## TASK DIRECTIONS
Look through the data below and extract, unchanged, the lines from the one that contains "#167=IFCPRODUCTDEFINITIONSHAPE($,$,(#166));" to the one that contains "building_placement = place(site_placement, origin())", both included.

## PROVIDED RECORDS
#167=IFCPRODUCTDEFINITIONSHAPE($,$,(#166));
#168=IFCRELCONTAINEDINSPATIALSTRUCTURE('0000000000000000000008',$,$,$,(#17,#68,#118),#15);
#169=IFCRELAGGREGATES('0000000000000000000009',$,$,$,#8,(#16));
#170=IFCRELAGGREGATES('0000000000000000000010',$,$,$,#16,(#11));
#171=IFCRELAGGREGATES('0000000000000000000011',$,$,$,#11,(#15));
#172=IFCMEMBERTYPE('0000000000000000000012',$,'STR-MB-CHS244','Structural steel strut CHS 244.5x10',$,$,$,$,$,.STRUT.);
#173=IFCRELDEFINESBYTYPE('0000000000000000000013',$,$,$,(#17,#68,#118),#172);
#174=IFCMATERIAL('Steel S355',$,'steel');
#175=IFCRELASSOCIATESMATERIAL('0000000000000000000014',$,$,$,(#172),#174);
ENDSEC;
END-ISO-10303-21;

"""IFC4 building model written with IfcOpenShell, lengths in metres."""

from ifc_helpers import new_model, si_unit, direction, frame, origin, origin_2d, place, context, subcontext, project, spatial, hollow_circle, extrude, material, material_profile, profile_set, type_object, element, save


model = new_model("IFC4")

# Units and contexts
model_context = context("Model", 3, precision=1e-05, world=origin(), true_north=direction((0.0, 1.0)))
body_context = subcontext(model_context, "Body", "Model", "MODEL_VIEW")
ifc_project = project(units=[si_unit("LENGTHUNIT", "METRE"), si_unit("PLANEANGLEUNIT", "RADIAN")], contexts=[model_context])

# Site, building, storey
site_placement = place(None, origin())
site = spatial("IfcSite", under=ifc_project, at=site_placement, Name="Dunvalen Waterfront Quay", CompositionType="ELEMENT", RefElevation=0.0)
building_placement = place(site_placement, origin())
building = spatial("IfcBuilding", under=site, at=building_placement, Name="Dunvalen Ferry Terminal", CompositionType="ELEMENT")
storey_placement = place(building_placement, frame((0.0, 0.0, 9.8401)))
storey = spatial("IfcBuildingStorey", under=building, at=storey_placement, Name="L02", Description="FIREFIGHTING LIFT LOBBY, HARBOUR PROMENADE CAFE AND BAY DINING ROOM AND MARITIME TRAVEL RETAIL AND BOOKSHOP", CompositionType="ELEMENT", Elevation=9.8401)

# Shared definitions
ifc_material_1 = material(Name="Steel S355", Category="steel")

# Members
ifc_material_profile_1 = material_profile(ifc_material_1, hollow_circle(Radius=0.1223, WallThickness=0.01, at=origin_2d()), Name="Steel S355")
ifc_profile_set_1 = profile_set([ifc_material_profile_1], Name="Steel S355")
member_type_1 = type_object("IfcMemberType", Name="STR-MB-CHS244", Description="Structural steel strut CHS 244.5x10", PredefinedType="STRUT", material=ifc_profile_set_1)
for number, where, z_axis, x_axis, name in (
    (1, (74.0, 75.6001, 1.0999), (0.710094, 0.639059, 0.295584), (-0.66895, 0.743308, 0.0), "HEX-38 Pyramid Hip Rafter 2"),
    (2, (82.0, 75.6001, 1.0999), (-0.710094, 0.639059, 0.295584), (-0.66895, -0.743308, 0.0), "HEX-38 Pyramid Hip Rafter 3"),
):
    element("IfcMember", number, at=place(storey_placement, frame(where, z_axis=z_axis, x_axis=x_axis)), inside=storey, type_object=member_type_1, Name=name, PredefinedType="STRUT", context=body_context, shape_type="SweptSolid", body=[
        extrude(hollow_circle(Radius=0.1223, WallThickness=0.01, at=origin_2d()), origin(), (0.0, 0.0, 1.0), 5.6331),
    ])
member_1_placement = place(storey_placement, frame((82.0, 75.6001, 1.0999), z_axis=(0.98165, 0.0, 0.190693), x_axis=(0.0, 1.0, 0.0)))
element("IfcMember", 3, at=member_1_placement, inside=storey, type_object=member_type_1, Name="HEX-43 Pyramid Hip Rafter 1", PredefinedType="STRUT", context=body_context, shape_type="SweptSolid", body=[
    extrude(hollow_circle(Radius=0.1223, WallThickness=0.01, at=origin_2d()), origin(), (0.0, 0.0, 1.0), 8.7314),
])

* * *

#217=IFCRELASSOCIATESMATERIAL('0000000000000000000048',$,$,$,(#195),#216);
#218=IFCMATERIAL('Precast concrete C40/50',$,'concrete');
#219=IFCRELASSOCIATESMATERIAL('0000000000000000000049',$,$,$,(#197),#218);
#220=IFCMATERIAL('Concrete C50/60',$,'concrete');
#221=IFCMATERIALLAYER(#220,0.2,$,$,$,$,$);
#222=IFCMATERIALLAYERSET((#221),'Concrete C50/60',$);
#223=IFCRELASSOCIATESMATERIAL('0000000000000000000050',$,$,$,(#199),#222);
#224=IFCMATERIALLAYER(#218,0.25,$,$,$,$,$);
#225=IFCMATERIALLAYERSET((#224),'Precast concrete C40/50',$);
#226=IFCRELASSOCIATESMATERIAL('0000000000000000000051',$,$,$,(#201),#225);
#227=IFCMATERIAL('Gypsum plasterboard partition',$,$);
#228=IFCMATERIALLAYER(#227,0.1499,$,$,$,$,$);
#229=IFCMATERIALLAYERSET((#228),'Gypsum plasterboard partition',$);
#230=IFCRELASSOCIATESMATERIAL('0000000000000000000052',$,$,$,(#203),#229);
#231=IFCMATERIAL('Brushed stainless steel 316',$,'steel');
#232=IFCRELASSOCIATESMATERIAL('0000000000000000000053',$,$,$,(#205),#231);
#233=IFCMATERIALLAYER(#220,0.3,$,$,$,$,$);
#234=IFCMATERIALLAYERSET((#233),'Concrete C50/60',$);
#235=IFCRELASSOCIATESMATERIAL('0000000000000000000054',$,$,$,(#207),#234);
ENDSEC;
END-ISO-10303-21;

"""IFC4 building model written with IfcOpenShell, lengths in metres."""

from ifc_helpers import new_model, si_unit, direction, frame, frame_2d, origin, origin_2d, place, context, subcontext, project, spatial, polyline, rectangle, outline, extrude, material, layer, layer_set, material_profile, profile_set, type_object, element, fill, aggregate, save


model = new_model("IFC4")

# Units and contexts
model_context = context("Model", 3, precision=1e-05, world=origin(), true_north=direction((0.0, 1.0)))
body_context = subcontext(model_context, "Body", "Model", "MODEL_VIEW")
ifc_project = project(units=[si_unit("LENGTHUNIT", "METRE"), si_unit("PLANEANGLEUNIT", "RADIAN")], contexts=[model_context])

## EXERCISE SOLUTION
#167=IFCPRODUCTDEFINITIONSHAPE($,$,(#166));
#168=IFCRELCONTAINEDINSPATIALSTRUCTURE('0000000000000000000008',$,$,$,(#17,#68,#118),#15);
#169=IFCRELAGGREGATES('0000000000000000000009',$,$,$,#8,(#16));
#170=IFCRELAGGREGATES('0000000000000000000010',$,$,$,#16,(#11));
#171=IFCRELAGGREGATES('0000000000000000000011',$,$,$,#11,(#15));
#172=IFCMEMBERTYPE('0000000000000000000012',$,'STR-MB-CHS244','Structural steel strut CHS 244.5x10',$,$,$,$,$,.STRUT.);
#173=IFCRELDEFINESBYTYPE('0000000000000000000013',$,$,$,(#17,#68,#118),#172);
#174=IFCMATERIAL('Steel S355',$,'steel');
#175=IFCRELASSOCIATESMATERIAL('0000000000000000000014',$,$,$,(#172),#174);
ENDSEC;
END-ISO-10303-21;

"""IFC4 building model written with IfcOpenShell, lengths in metres."""

from ifc_helpers import new_model, si_unit, direction, frame, origin, origin_2d, place, context, subcontext, project, spatial, hollow_circle, extrude, material, material_profile, profile_set, type_object, element, save


model = new_model("IFC4")

# Units and contexts
model_context = context("Model", 3, precision=1e-05, world=origin(), true_north=direction((0.0, 1.0)))
body_context = subcontext(model_context, "Body", "Model", "MODEL_VIEW")
ifc_project = project(units=[si_unit("LENGTHUNIT", "METRE"), si_unit("PLANEANGLEUNIT", "RADIAN")], contexts=[model_context])

# Site, building, storey
site_placement = place(None, origin())
site = spatial("IfcSite", under=ifc_project, at=site_placement, Name="Dunvalen Waterfront Quay", CompositionType="ELEMENT", RefElevation=0.0)
building_placement = place(site_placement, origin())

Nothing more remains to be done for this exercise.